About this exercise - Find the line with "#100=IFCINDEXEDPOLYGONALFACE((21,25,43,41));" in the records below. Copy it and every line after it, up to and including the line with "#141=IFCINDEXEDPOLYGONALFACE((105,107,111,109));".

Data extracted from a collection -
<<<<

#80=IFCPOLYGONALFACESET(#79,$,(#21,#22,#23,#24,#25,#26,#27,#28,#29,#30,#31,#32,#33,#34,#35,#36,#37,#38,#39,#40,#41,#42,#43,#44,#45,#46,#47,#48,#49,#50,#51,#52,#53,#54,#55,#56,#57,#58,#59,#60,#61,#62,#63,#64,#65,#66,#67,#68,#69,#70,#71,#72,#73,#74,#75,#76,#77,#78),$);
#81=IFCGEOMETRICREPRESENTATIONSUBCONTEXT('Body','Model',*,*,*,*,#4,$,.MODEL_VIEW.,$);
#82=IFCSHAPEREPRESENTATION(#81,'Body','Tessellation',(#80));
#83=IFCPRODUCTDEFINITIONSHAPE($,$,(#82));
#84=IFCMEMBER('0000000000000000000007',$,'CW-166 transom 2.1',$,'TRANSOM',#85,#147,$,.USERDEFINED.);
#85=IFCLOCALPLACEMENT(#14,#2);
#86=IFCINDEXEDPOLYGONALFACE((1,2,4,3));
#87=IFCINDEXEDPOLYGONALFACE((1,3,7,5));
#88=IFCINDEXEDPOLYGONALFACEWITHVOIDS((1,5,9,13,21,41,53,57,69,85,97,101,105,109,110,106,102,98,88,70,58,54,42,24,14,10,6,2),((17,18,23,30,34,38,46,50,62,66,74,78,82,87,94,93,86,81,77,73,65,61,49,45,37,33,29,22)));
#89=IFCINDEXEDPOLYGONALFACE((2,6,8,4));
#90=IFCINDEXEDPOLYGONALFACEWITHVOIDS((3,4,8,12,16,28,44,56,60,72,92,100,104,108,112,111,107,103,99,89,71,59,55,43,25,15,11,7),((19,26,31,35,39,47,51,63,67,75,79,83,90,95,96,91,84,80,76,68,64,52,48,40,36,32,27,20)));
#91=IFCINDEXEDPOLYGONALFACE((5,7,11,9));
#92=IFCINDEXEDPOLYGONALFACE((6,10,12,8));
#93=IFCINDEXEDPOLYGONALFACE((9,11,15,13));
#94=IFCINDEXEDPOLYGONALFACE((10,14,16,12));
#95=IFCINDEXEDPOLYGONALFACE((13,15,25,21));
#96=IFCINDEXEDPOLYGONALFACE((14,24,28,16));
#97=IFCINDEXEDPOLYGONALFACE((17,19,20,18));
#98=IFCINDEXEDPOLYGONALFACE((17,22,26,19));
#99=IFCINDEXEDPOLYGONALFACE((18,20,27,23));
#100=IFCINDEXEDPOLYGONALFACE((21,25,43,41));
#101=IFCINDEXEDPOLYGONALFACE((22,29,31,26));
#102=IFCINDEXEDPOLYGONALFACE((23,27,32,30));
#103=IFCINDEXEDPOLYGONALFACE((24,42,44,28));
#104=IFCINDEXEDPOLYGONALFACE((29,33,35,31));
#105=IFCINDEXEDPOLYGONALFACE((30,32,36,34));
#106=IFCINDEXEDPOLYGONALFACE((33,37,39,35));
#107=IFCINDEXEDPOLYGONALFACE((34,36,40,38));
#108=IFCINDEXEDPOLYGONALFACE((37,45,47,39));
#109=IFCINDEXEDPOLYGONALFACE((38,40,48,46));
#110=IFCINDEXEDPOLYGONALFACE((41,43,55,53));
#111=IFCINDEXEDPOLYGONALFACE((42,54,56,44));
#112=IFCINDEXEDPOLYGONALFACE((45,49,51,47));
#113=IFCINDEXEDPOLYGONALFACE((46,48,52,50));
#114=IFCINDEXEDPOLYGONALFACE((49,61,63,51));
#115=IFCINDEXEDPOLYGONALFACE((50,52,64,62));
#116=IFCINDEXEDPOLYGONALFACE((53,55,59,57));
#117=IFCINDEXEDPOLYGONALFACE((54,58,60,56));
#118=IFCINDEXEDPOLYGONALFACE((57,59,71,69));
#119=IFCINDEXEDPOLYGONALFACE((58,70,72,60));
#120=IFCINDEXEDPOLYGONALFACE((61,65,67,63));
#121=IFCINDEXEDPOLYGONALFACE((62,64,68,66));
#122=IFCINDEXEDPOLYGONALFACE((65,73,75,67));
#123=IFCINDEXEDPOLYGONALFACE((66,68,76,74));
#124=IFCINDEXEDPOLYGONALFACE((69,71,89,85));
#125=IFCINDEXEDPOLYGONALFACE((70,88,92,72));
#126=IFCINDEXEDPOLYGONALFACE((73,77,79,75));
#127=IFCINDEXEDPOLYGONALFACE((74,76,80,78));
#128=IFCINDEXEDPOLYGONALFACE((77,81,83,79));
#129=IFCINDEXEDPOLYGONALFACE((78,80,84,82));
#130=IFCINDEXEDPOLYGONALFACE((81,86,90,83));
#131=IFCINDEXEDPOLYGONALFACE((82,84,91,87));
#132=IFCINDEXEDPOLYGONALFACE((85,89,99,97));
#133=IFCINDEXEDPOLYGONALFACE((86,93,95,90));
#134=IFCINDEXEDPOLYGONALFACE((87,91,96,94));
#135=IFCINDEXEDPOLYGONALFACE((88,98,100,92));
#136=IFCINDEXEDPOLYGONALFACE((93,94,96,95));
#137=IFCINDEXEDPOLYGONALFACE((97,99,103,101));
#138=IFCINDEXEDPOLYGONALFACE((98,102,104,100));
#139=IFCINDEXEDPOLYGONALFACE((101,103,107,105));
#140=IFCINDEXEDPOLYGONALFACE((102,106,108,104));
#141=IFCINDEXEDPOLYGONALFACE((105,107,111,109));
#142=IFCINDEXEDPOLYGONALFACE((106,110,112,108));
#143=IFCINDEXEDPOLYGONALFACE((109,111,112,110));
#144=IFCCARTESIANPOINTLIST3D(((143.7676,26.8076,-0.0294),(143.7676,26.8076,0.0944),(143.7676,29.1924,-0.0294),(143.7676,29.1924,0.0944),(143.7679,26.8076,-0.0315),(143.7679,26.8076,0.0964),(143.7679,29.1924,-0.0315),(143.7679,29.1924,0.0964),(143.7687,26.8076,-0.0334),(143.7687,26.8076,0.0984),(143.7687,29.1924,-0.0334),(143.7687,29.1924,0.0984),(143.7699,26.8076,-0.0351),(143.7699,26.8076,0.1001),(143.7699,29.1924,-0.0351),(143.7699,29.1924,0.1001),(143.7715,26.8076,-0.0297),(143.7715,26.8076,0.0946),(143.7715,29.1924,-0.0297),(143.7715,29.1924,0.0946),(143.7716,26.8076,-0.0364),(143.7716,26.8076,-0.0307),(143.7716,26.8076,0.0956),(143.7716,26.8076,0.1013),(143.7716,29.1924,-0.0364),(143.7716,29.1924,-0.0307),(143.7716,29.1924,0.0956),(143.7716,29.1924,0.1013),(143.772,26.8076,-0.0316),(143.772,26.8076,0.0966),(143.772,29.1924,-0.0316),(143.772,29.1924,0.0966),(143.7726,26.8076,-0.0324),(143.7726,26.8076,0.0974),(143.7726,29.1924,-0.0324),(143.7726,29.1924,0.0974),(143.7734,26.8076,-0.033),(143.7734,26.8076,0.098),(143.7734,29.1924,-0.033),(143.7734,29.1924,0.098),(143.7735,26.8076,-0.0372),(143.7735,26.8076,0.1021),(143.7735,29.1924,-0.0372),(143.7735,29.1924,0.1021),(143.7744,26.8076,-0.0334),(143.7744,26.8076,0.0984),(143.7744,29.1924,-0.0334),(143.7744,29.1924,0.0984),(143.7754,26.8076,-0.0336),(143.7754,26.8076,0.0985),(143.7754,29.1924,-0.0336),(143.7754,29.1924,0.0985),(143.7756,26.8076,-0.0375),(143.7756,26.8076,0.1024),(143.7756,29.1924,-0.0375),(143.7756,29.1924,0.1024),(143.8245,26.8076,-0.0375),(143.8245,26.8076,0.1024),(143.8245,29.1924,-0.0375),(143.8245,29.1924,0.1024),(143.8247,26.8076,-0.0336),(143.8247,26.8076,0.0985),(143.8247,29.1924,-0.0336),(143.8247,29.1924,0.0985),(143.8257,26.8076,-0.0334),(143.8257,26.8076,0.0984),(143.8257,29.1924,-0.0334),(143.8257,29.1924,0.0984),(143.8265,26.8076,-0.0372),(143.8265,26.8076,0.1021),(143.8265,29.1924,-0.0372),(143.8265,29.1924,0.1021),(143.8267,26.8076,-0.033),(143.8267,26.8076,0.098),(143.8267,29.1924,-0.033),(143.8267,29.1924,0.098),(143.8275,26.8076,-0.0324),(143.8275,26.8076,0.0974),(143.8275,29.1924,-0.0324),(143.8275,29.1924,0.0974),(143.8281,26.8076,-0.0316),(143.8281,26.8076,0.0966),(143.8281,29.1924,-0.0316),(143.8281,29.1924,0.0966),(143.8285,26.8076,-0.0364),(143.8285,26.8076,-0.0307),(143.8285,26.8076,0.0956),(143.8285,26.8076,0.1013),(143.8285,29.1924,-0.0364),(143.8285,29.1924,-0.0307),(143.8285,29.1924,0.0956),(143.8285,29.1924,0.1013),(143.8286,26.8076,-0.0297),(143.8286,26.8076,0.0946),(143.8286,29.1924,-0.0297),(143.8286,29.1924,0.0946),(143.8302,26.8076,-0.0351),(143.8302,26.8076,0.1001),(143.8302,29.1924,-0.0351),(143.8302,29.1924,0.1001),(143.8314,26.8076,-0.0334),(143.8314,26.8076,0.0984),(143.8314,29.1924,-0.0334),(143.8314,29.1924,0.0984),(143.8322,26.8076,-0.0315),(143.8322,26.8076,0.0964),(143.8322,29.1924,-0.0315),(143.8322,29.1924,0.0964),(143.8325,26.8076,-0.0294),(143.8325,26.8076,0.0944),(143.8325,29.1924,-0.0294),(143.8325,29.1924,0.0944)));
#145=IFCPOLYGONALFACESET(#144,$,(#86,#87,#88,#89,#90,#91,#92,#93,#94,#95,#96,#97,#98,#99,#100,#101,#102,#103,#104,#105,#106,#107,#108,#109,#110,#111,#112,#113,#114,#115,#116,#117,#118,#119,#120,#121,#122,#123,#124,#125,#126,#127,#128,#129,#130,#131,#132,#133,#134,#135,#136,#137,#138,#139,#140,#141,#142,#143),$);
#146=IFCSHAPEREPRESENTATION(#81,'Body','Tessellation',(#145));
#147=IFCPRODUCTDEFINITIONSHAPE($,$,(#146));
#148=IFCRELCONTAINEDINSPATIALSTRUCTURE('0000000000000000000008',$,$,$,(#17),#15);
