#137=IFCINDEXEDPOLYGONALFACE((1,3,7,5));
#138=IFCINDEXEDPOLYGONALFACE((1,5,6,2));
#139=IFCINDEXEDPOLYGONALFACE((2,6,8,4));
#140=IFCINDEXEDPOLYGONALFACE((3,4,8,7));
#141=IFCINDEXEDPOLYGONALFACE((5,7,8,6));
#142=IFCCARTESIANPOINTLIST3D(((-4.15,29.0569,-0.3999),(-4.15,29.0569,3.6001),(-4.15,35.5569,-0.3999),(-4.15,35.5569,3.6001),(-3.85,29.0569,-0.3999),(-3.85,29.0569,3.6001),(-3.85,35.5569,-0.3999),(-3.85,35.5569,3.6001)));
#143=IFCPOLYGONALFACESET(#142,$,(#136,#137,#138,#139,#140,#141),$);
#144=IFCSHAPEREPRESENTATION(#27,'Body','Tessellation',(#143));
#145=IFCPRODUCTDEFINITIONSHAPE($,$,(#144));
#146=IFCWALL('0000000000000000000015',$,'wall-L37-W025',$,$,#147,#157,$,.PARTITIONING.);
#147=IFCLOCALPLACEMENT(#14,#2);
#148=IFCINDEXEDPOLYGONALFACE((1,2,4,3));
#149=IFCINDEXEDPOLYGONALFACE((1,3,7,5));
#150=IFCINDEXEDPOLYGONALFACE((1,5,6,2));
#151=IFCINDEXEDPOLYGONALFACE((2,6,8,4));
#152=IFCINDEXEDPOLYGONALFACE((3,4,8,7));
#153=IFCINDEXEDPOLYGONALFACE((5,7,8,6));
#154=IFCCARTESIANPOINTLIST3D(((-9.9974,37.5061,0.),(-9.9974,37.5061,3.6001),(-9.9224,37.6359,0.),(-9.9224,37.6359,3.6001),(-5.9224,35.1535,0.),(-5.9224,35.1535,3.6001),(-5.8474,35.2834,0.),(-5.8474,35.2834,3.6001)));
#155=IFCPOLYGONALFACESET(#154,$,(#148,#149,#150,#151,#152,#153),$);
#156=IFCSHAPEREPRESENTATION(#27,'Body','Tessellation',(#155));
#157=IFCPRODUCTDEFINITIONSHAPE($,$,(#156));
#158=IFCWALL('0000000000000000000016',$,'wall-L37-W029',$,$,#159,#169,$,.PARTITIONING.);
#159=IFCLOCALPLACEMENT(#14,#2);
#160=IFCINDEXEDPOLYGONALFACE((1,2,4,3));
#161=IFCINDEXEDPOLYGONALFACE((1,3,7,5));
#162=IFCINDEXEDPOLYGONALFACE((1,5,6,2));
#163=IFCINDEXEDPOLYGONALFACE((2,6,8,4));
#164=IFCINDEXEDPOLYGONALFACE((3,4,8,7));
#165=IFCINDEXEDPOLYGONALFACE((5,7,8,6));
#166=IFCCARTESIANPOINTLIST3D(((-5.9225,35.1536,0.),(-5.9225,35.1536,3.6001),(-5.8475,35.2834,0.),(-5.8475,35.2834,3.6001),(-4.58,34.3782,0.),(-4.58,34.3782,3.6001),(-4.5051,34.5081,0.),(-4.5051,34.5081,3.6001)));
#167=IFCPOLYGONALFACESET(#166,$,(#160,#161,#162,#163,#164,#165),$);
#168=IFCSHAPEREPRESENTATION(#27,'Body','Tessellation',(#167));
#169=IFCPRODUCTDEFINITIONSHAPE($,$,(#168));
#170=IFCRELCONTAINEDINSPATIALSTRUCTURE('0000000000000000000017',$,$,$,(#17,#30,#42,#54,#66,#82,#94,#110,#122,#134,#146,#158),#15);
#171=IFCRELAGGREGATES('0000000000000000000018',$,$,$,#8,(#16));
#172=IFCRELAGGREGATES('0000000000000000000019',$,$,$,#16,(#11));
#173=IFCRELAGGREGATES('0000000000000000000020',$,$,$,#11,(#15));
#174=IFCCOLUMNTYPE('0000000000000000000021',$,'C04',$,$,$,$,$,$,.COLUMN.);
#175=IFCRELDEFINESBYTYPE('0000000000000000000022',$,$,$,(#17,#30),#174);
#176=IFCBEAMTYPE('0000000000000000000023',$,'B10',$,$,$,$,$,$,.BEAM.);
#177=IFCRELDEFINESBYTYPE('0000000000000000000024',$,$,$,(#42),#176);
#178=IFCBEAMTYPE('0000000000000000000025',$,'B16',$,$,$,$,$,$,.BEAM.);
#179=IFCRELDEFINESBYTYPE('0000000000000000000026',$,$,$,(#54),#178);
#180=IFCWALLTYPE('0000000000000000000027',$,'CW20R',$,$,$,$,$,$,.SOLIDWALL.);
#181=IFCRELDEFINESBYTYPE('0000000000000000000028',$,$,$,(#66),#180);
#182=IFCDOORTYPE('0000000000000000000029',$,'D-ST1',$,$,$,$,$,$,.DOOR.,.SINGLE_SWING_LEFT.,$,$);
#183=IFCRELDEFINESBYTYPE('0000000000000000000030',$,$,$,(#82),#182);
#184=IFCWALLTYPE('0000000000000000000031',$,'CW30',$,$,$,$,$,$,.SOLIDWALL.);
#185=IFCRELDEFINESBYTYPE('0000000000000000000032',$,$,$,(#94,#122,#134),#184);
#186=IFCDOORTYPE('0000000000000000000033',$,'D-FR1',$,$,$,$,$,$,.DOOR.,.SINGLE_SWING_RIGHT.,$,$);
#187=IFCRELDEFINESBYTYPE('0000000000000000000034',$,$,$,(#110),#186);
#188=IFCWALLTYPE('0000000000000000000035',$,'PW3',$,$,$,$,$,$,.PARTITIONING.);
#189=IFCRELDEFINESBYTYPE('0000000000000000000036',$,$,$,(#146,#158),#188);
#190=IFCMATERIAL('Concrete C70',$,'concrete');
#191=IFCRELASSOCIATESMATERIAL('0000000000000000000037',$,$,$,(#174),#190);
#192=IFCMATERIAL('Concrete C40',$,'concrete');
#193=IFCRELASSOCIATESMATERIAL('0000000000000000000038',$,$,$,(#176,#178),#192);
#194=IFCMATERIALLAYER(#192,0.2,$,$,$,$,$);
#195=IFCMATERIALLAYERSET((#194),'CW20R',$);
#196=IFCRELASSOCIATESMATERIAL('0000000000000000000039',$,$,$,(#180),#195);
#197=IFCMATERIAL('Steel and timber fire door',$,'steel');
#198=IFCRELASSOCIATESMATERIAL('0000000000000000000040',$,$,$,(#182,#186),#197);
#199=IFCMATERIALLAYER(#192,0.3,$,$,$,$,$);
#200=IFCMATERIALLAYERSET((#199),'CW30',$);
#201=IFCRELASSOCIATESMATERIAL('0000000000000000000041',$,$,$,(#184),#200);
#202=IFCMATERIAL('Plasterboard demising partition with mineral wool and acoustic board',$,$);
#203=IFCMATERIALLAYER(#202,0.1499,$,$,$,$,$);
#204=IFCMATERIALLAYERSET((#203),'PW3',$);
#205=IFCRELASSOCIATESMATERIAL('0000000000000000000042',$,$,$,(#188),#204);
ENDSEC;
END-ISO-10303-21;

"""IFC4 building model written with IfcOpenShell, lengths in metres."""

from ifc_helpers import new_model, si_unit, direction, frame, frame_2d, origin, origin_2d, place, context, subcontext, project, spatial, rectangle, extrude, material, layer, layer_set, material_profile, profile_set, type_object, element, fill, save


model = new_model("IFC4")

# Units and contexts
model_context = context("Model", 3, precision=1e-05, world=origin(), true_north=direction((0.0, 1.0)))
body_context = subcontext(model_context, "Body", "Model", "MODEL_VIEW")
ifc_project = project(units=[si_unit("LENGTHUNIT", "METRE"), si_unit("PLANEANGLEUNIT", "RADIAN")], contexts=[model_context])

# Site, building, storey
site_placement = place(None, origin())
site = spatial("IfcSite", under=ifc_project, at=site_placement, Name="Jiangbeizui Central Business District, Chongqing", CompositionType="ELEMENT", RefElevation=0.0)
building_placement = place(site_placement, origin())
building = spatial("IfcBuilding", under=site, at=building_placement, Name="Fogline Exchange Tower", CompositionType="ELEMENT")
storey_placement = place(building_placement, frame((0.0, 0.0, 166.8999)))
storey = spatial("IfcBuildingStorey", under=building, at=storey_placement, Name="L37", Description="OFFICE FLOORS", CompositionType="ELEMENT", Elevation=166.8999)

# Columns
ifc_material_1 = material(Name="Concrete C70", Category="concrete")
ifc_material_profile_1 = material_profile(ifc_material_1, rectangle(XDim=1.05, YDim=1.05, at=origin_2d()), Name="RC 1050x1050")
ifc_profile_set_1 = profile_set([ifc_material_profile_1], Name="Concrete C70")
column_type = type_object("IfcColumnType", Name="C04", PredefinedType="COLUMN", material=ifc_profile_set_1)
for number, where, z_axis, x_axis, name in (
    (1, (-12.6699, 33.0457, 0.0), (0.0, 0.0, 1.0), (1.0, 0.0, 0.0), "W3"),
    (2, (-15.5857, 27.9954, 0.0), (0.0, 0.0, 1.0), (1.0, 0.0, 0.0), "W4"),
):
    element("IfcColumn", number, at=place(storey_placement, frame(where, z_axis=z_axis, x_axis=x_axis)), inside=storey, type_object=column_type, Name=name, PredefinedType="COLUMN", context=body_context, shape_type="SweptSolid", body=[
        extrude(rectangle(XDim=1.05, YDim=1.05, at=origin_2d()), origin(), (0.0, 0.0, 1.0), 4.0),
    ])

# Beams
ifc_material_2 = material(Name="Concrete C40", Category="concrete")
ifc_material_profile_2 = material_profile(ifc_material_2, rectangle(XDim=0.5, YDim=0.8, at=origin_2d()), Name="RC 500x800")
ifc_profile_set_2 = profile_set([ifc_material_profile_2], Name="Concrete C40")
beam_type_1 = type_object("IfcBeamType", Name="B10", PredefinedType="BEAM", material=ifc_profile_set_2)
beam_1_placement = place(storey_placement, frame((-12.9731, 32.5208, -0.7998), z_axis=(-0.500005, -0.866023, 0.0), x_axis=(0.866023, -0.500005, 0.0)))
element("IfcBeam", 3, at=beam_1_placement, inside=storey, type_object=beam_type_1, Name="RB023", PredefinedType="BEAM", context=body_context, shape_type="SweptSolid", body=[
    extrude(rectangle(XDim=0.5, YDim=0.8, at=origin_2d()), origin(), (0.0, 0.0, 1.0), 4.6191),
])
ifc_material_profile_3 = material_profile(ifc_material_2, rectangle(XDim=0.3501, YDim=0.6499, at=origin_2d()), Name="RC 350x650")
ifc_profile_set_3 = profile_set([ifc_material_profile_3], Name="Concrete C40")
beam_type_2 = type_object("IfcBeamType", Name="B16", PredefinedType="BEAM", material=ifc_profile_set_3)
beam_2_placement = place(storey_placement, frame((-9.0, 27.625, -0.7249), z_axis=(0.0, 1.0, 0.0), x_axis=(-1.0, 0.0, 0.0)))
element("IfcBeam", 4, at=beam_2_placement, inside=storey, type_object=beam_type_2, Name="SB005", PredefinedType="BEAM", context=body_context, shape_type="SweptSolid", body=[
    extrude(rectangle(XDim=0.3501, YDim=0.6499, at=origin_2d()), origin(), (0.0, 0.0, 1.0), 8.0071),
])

>>>>

Answer section -
#100=IFCINDEXEDPOLYGONALFACE((21,25,43,41));
#101=IFCINDEXEDPOLYGONALFACE((22,29,31,26));
#102=IFCINDEXEDPOLYGONALFACE((23,27,32,30));
#103=IFCINDEXEDPOLYGONALFACE((24,42,44,28));
#104=IFCINDEXEDPOLYGONALFACE((29,33,35,31));
#105=IFCINDEXEDPOLYGONALFACE((30,32,36,34));
#106=IFCINDEXEDPOLYGONALFACE((33,37,39,35));
#107=IFCINDEXEDPOLYGONALFACE((34,36,40,38));
#108=IFCINDEXEDPOLYGONALFACE((37,45,47,39));
#109=IFCINDEXEDPOLYGONALFACE((38,40,48,46));
#110=IFCINDEXEDPOLYGONALFACE((41,43,55,53));
#111=IFCINDEXEDPOLYGONALFACE((42,54,56,44));
#112=IFCINDEXEDPOLYGONALFACE((45,49,51,47));
#113=IFCINDEXEDPOLYGONALFACE((46,48,52,50));
#114=IFCINDEXEDPOLYGONALFACE((49,61,63,51));
#115=IFCINDEXEDPOLYGONALFACE((50,52,64,62));
#116=IFCINDEXEDPOLYGONALFACE((53,55,59,57));
#117=IFCINDEXEDPOLYGONALFACE((54,58,60,56));
#118=IFCINDEXEDPOLYGONALFACE((57,59,71,69));
#119=IFCINDEXEDPOLYGONALFACE((58,70,72,60));
#120=IFCINDEXEDPOLYGONALFACE((61,65,67,63));
#121=IFCINDEXEDPOLYGONALFACE((62,64,68,66));
#122=IFCINDEXEDPOLYGONALFACE((65,73,75,67));
#123=IFCINDEXEDPOLYGONALFACE((66,68,76,74));
#124=IFCINDEXEDPOLYGONALFACE((69,71,89,85));
#125=IFCINDEXEDPOLYGONALFACE((70,88,92,72));
#126=IFCINDEXEDPOLYGONALFACE((73,77,79,75));
#127=IFCINDEXEDPOLYGONALFACE((74,76,80,78));
#128=IFCINDEXEDPOLYGONALFACE((77,81,83,79));
#129=IFCINDEXEDPOLYGONALFACE((78,80,84,82));
#130=IFCINDEXEDPOLYGONALFACE((81,86,90,83));
#131=IFCINDEXEDPOLYGONALFACE((82,84,91,87));
#132=IFCINDEXEDPOLYGONALFACE((85,89,99,97));
#133=IFCINDEXEDPOLYGONALFACE((86,93,95,90));
#134=IFCINDEXEDPOLYGONALFACE((87,91,96,94));
#135=IFCINDEXEDPOLYGONALFACE((88,98,100,92));
#136=IFCINDEXEDPOLYGONALFACE((93,94,96,95));
#137=IFCINDEXEDPOLYGONALFACE((97,99,103,101));
#138=IFCINDEXEDPOLYGONALFACE((98,102,104,100));
#139=IFCINDEXEDPOLYGONALFACE((101,103,107,105));
#140=IFCINDEXEDPOLYGONALFACE((102,106,108,104));
#141=IFCINDEXEDPOLYGONALFACE((105,107,111,109));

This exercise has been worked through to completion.